- [Required work] Using the records below, filter out every line that lacks "IFCPRODUCTDEFINITIONSHAPE" and copy the rest.

[Records shown — start]

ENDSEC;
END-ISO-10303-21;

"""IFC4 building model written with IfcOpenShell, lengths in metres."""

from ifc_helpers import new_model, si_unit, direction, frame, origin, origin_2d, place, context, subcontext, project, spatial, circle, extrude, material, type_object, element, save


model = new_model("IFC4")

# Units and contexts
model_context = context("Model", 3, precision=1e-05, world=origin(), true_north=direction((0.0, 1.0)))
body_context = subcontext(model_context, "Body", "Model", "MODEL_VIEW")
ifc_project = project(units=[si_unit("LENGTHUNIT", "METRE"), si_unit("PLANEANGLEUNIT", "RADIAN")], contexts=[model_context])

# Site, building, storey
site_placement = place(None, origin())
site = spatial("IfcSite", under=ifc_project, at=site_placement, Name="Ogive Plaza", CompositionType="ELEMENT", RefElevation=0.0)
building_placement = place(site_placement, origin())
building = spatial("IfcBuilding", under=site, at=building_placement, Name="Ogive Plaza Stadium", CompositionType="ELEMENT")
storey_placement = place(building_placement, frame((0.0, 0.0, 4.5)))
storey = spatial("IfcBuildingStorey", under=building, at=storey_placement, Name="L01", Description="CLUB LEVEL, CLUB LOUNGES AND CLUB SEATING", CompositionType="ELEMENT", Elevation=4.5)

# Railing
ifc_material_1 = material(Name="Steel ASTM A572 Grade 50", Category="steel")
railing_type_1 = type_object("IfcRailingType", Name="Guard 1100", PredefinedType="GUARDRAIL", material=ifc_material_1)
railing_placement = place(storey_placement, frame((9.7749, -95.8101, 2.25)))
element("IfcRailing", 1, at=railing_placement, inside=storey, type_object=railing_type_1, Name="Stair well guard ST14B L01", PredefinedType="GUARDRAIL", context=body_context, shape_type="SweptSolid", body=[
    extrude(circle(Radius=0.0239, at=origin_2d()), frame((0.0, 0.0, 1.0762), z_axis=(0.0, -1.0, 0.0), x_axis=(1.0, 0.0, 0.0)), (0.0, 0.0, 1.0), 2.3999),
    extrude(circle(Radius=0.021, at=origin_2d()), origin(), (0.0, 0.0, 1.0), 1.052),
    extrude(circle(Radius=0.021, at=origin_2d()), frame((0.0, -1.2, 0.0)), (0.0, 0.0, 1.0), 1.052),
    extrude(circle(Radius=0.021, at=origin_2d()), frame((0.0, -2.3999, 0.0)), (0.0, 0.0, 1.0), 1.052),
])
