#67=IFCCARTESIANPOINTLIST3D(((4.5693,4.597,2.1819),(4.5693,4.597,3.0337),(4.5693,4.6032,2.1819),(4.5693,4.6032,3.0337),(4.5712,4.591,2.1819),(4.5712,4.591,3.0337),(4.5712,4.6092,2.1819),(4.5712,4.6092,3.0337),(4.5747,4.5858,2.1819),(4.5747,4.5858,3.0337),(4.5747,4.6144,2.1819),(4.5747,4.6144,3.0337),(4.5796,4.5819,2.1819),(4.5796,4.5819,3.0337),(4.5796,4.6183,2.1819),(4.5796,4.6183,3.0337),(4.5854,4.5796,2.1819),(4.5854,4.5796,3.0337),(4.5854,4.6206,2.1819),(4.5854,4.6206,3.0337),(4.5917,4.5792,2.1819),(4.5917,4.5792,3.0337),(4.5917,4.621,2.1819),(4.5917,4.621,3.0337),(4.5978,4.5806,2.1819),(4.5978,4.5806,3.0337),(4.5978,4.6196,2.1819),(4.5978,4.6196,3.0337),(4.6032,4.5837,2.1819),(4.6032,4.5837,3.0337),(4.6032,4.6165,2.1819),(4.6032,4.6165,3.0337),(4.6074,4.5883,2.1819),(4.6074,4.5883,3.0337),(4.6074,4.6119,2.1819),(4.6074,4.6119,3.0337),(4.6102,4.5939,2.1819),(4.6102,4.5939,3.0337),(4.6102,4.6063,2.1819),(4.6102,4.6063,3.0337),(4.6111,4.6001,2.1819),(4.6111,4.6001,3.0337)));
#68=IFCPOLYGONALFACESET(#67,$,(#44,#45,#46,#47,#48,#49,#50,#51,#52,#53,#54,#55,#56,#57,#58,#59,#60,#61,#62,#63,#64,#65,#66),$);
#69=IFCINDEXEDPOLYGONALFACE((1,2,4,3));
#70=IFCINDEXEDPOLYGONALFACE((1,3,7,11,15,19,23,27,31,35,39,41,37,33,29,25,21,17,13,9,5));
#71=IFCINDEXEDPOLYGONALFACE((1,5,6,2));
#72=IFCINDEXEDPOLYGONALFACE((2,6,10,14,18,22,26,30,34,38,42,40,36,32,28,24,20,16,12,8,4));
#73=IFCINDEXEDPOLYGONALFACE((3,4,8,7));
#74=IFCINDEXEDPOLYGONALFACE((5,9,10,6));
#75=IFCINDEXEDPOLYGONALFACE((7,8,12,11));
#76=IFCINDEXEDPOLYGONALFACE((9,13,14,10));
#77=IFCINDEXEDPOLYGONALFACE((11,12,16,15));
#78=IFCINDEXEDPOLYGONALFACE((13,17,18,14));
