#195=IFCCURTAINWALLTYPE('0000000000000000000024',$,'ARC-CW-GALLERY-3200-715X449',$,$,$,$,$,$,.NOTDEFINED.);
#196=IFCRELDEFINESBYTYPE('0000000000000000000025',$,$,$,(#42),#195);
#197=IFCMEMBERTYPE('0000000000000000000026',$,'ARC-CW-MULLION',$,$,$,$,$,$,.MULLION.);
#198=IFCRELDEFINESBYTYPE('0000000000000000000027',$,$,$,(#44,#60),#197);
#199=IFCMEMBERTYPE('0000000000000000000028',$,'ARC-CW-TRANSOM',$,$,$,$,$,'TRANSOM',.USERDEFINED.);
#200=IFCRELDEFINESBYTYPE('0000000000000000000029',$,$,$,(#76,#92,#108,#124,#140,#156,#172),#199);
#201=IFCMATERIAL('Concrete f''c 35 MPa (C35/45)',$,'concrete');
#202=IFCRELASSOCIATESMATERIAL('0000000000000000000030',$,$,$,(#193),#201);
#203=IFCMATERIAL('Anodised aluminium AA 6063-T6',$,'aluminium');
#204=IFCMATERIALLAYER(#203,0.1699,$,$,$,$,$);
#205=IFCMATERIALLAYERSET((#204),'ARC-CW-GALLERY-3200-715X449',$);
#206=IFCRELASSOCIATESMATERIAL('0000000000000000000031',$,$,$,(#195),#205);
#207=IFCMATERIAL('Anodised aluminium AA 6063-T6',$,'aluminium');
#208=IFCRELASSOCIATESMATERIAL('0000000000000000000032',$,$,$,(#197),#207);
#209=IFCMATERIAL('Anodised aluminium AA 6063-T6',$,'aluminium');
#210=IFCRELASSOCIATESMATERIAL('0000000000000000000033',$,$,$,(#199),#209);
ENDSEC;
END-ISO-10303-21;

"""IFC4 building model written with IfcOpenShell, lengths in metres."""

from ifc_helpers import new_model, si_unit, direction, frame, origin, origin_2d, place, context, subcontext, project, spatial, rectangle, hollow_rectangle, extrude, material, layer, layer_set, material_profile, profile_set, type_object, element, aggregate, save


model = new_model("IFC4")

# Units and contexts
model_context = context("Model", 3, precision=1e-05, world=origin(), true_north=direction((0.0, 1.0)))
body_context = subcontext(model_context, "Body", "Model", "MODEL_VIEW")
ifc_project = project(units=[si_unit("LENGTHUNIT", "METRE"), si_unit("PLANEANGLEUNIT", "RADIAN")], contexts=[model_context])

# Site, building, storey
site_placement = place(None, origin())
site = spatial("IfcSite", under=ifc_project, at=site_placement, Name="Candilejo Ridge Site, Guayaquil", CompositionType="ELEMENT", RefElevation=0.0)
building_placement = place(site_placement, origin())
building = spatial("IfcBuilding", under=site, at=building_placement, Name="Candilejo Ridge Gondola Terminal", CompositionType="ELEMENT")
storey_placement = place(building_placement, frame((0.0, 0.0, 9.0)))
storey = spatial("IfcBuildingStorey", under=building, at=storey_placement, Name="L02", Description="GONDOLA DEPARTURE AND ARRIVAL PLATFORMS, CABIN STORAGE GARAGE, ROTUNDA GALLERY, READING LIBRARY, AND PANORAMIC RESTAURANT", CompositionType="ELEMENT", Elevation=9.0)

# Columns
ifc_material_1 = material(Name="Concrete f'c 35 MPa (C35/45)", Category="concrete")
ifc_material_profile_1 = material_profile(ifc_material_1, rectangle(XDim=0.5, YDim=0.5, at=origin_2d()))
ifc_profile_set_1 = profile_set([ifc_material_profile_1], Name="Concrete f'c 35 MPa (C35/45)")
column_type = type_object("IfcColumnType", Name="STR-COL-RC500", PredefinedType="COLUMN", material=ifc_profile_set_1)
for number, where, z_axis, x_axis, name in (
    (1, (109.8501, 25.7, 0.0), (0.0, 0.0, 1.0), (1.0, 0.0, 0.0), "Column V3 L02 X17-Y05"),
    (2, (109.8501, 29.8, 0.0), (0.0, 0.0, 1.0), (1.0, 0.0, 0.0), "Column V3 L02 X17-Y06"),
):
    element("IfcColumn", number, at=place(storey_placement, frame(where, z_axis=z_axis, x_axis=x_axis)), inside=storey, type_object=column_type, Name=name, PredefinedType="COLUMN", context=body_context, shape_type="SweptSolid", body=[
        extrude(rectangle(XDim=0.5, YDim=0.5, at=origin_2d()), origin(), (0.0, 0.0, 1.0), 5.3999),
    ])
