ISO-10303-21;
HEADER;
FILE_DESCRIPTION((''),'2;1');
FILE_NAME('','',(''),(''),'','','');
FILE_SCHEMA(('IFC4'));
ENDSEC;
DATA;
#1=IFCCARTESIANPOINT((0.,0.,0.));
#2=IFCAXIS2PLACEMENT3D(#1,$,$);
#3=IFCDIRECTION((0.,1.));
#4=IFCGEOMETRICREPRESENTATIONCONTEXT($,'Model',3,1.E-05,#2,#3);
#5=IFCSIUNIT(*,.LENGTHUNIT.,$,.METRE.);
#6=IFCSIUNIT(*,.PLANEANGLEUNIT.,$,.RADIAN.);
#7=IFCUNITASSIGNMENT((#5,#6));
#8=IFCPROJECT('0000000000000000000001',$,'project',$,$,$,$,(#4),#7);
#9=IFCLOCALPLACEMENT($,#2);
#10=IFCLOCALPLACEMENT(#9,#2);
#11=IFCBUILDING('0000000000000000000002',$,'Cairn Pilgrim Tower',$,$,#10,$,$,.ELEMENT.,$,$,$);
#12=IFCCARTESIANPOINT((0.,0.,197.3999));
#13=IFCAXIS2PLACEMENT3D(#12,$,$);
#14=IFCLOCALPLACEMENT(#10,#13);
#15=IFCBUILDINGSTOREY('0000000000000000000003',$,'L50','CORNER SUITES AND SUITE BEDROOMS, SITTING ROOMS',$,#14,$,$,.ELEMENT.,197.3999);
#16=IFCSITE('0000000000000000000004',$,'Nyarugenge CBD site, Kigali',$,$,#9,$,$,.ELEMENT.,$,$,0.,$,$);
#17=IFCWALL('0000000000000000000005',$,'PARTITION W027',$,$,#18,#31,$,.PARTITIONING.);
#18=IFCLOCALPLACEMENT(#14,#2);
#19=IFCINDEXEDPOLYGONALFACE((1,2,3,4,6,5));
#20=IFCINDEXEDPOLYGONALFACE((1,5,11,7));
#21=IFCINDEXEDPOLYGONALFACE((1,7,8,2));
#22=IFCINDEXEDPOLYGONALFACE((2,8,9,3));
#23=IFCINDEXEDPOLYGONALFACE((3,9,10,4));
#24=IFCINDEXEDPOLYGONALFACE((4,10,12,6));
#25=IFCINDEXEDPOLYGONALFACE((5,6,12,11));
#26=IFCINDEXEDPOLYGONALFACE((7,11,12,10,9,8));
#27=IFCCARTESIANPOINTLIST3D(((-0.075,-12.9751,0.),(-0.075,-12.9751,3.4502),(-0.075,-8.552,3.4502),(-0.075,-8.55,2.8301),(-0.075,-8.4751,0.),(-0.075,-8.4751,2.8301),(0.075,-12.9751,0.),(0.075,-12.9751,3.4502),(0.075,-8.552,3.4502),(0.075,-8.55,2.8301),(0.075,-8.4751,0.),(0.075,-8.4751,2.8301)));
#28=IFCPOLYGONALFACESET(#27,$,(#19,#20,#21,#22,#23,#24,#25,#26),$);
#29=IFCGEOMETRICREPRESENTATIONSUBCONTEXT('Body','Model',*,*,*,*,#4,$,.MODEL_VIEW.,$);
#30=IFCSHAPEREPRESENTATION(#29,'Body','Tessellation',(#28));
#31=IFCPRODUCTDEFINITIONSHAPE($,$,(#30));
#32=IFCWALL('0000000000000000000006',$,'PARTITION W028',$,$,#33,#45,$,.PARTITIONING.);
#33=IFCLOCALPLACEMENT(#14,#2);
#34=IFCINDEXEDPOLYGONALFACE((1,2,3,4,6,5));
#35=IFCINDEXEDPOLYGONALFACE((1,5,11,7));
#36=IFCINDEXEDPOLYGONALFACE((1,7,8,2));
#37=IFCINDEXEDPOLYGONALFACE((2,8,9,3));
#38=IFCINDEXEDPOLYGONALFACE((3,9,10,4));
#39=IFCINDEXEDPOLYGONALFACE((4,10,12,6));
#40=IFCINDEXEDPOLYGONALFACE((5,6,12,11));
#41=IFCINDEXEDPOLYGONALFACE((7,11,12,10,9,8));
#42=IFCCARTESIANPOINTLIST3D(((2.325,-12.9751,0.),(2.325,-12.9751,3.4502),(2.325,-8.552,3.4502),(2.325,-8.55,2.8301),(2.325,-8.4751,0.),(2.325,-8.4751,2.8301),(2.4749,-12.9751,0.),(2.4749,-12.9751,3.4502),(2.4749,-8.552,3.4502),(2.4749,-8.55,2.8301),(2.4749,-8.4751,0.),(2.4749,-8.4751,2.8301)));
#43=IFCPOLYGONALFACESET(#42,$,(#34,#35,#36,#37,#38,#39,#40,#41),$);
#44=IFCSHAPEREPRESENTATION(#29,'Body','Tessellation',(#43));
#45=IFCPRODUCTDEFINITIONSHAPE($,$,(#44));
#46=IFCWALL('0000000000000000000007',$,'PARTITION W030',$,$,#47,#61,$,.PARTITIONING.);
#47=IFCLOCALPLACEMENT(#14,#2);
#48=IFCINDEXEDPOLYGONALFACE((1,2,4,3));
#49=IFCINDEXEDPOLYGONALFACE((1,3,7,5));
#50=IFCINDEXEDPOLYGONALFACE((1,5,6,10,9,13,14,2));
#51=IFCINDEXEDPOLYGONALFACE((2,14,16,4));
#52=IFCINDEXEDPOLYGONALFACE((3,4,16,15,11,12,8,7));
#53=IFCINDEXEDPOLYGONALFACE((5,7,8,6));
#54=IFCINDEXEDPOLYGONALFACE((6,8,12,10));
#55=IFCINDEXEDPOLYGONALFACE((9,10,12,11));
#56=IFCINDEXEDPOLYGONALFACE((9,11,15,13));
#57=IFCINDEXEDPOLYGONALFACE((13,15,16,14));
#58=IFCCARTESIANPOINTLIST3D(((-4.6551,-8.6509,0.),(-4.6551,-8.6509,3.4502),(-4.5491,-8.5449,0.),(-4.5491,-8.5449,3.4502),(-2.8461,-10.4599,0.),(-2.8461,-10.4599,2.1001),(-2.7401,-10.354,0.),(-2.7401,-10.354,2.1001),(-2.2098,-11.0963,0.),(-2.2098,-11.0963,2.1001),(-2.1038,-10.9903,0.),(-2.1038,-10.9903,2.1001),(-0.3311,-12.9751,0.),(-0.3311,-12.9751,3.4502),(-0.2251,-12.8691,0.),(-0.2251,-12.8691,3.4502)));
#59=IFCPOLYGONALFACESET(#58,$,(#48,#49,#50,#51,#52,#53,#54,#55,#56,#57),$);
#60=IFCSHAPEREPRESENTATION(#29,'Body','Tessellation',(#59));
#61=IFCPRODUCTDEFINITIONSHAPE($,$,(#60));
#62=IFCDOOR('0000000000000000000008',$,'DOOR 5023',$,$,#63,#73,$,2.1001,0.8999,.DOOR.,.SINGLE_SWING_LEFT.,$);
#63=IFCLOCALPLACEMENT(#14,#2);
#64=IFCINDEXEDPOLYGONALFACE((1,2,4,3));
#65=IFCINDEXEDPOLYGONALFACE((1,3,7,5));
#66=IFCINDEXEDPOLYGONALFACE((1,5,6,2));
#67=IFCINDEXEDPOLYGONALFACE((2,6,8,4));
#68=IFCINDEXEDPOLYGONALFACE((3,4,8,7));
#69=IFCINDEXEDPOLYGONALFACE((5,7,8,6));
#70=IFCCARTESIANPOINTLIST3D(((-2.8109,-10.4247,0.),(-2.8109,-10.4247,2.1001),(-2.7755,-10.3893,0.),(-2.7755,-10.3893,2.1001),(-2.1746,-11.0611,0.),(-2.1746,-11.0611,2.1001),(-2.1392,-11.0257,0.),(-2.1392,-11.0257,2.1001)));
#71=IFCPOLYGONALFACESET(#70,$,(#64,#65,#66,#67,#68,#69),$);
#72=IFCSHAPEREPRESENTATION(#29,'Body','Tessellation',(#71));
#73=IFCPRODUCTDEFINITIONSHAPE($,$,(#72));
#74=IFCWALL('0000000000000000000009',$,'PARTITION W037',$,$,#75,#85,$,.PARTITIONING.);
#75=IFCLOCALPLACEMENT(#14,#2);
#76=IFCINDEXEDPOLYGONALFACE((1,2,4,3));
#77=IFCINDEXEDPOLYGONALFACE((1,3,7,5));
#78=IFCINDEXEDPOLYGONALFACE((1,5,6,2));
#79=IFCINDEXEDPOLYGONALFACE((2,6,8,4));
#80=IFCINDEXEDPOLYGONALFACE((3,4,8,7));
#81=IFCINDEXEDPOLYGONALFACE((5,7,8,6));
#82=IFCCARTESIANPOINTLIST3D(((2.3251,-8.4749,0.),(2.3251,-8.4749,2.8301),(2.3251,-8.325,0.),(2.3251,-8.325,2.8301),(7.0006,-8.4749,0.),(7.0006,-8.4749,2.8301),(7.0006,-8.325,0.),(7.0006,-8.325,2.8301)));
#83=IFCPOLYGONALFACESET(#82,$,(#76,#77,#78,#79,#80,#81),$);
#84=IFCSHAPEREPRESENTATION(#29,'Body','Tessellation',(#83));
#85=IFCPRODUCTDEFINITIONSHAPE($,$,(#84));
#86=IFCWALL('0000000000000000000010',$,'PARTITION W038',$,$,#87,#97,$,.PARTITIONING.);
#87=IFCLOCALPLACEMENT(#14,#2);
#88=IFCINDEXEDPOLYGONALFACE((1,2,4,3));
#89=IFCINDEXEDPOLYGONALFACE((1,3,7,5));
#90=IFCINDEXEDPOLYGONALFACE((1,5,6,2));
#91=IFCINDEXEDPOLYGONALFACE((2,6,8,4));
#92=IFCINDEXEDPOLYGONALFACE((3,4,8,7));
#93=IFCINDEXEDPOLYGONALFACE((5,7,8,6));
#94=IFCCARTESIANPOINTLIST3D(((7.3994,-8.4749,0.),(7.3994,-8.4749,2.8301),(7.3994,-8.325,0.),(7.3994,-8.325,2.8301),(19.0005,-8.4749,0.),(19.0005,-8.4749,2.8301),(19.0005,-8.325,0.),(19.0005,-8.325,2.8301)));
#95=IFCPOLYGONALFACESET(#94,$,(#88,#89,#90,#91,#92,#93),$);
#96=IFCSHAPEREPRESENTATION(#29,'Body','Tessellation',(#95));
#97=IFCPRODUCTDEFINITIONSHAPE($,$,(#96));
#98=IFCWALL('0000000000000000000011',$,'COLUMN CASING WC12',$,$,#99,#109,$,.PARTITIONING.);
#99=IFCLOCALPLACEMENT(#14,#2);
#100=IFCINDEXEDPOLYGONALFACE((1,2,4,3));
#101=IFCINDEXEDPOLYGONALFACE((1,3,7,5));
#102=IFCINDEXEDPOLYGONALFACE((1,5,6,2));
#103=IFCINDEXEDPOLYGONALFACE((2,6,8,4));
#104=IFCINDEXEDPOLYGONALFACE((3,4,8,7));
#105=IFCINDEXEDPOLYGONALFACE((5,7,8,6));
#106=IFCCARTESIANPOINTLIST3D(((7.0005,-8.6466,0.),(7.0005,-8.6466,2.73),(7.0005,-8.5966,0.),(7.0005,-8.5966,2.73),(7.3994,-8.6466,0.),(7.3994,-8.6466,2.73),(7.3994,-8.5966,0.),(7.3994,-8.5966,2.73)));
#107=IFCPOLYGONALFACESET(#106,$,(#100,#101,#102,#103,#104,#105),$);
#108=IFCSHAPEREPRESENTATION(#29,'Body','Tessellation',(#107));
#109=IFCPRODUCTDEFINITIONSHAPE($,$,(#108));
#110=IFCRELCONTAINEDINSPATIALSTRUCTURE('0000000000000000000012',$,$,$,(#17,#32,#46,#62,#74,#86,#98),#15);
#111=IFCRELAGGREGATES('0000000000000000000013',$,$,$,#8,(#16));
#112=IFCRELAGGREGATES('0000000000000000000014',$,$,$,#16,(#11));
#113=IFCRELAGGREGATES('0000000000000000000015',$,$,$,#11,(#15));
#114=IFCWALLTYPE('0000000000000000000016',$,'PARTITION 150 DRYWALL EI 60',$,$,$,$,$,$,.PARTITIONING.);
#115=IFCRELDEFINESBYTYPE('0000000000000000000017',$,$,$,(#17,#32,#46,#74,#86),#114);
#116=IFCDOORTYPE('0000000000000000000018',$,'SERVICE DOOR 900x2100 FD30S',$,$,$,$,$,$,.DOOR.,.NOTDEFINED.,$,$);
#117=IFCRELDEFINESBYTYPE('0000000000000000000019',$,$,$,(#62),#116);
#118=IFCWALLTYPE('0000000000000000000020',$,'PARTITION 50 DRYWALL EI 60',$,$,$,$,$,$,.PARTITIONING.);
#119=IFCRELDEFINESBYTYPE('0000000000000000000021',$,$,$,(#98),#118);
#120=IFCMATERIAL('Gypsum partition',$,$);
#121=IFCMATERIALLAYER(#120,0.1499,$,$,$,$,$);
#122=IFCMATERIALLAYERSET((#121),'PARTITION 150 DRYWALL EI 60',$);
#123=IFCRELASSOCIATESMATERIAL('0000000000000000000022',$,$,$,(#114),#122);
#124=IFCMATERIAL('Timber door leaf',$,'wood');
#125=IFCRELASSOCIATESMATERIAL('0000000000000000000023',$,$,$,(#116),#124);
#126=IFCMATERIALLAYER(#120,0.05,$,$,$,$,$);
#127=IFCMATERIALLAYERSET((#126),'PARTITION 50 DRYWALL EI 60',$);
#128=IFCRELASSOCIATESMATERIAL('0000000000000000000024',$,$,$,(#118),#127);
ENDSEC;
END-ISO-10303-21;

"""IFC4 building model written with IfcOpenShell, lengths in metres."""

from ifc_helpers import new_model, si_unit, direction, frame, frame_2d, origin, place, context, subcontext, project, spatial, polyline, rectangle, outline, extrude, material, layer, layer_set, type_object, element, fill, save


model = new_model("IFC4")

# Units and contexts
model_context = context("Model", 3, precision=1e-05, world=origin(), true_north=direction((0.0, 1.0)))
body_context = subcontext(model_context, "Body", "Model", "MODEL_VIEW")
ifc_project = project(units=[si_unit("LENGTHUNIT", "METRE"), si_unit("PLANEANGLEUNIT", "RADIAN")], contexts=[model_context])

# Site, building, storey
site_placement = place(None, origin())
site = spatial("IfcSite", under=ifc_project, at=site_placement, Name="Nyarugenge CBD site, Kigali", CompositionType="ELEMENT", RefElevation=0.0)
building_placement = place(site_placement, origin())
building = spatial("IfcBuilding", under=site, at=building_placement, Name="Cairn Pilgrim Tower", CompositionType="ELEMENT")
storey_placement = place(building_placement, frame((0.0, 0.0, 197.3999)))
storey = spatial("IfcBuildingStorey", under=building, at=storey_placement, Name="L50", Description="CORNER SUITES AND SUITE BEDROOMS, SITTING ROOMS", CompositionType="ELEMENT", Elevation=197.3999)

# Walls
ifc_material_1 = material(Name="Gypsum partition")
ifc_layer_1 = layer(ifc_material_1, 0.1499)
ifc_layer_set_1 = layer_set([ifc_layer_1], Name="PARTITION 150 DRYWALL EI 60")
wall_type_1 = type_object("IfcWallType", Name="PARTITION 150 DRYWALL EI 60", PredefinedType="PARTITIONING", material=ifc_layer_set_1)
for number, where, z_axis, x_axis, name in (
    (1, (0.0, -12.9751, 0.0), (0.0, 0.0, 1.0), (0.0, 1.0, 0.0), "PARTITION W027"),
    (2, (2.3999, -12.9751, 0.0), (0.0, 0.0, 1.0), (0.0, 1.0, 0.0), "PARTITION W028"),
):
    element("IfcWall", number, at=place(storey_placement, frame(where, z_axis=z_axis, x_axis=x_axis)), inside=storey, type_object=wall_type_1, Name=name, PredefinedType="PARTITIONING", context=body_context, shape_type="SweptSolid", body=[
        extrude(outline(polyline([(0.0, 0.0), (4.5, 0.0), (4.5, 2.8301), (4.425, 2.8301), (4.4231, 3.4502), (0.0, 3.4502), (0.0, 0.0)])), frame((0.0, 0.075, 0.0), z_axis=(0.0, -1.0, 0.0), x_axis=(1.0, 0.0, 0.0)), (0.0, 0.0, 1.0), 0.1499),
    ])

[Records shown — finish]

- [Your response]
#31=IFCPRODUCTDEFINITIONSHAPE($,$,(#30));
#45=IFCPRODUCTDEFINITIONSHAPE($,$,(#44));
#61=IFCPRODUCTDEFINITIONSHAPE($,$,(#60));
#73=IFCPRODUCTDEFINITIONSHAPE($,$,(#72));
#85=IFCPRODUCTDEFINITIONSHAPE($,$,(#84));
#97=IFCPRODUCTDEFINITIONSHAPE($,$,(#96));
#109=IFCPRODUCTDEFINITIONSHAPE($,$,(#108));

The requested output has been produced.